*What to do*
Return the lines of the data below in which the string "girder" occurs.

*Data for this task*

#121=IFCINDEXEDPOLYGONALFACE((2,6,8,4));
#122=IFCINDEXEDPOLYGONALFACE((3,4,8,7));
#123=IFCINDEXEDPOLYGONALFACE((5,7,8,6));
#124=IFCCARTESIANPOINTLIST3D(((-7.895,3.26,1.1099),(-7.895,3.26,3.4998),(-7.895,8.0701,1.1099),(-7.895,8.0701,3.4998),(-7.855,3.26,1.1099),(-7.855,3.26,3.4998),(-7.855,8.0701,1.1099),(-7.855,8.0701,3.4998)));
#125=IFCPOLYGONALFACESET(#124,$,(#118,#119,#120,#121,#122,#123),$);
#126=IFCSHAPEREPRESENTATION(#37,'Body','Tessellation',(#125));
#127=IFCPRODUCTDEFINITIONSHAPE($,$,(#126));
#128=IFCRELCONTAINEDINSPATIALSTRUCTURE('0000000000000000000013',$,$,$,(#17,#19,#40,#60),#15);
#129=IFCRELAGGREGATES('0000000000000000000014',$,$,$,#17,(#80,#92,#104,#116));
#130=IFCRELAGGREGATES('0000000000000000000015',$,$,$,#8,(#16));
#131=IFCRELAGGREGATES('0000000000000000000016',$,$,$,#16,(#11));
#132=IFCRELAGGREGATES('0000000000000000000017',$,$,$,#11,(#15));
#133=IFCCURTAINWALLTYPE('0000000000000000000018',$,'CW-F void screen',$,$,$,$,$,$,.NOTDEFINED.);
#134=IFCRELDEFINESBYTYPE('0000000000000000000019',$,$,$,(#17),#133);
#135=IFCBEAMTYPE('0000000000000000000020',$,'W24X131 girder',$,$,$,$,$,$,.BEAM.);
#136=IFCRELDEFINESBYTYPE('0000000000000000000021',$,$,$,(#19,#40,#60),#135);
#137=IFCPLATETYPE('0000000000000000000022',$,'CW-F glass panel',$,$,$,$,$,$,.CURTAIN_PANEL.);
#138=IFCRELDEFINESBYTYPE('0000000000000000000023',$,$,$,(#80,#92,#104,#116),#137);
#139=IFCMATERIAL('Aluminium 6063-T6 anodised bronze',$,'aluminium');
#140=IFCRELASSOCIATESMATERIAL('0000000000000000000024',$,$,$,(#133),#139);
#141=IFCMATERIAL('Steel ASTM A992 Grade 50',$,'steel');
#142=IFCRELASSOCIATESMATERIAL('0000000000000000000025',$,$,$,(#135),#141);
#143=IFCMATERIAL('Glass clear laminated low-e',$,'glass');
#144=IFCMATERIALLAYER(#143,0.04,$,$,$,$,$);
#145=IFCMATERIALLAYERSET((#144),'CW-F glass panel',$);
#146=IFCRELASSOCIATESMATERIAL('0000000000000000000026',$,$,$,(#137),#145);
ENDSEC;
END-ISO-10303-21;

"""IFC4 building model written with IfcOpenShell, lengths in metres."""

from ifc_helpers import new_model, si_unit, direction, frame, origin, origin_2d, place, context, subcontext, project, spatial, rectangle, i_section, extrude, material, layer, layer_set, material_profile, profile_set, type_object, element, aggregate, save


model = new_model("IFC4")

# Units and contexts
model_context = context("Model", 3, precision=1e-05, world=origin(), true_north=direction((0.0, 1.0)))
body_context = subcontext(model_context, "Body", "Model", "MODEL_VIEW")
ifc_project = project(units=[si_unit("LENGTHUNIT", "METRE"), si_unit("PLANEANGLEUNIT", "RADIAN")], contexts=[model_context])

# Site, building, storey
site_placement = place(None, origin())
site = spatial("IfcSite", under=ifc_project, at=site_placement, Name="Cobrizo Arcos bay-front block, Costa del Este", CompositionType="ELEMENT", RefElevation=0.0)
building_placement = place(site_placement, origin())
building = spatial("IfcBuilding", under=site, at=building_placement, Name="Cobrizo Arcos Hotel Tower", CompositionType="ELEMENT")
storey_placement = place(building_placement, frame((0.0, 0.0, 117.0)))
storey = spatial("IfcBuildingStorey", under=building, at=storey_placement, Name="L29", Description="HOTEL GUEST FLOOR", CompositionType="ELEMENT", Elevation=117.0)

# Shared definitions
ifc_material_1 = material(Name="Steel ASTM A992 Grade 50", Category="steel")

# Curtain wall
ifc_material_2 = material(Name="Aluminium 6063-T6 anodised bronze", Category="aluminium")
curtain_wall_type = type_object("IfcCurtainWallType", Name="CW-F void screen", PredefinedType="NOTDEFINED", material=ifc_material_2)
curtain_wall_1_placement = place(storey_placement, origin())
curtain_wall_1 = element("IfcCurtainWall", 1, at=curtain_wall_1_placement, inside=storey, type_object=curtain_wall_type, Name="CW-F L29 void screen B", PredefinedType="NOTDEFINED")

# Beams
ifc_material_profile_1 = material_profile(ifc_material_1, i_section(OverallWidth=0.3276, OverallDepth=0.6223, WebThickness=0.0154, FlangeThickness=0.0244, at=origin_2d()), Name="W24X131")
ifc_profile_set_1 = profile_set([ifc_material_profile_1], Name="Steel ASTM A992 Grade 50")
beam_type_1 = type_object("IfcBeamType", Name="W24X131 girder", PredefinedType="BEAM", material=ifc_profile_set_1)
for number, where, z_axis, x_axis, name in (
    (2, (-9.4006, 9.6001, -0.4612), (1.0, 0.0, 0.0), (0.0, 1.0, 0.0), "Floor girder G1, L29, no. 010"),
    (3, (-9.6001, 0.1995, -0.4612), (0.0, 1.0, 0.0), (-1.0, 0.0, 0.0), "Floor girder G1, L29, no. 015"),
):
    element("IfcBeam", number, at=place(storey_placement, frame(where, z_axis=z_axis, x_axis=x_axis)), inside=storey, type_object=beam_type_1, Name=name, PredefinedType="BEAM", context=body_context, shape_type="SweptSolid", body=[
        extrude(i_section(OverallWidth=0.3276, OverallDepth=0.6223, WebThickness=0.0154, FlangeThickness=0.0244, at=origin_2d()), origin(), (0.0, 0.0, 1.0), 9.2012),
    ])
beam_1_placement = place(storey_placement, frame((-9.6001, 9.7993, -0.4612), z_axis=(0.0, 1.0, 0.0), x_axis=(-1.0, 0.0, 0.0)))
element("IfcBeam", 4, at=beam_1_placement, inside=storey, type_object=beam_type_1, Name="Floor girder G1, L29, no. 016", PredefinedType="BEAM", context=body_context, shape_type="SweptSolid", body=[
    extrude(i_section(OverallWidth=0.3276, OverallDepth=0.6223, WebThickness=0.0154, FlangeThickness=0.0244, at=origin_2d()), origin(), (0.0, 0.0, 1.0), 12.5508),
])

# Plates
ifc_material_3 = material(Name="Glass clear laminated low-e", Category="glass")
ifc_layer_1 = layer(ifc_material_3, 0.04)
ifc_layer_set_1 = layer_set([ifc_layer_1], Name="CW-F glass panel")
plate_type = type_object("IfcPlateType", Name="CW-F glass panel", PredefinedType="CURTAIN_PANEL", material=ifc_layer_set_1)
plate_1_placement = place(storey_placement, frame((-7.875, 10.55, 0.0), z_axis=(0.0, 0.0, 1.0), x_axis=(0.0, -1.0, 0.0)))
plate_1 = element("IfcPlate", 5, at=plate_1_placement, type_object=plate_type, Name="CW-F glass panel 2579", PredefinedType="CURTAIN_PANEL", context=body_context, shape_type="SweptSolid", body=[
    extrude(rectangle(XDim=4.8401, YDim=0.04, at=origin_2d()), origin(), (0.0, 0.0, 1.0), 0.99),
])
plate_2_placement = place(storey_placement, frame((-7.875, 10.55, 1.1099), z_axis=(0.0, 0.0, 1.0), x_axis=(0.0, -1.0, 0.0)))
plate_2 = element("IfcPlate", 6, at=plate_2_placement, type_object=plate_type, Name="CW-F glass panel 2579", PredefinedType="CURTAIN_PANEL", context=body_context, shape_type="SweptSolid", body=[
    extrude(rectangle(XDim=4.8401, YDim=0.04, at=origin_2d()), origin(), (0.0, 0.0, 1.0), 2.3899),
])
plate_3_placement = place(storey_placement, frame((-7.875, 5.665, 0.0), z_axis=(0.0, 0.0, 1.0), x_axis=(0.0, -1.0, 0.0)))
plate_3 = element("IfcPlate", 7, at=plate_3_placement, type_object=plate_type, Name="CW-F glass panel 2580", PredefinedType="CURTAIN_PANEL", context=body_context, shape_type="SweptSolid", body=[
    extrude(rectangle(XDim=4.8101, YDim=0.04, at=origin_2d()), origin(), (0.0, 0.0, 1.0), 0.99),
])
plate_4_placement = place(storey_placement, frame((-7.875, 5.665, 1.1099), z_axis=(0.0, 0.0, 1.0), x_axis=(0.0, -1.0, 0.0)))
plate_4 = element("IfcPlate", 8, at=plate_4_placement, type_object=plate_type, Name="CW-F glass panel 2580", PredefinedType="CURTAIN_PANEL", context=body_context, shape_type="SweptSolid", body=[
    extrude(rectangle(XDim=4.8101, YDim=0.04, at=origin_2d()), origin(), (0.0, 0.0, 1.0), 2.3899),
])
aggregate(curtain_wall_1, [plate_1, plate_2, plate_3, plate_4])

*Exercise response*
#135=IFCBEAMTYPE('0000000000000000000020',$,'W24X131 girder',$,$,$,$,$,$,.BEAM.);
beam_type_1 = type_object("IfcBeamType", Name="W24X131 girder", PredefinedType="BEAM", material=ifc_profile_set_1)
    (2, (-9.4006, 9.6001, -0.4612), (1.0, 0.0, 0.0), (0.0, 1.0, 0.0), "Floor girder G1, L29, no. 010"),
    (3, (-9.6001, 0.1995, -0.4612), (0.0, 1.0, 0.0), (-1.0, 0.0, 0.0), "Floor girder G1, L29, no. 015"),
element("IfcBeam", 4, at=beam_1_placement, inside=storey, type_object=beam_type_1, Name="Floor girder G1, L29, no. 016", PredefinedType="BEAM", context=body_context, shape_type="SweptSolid", body=[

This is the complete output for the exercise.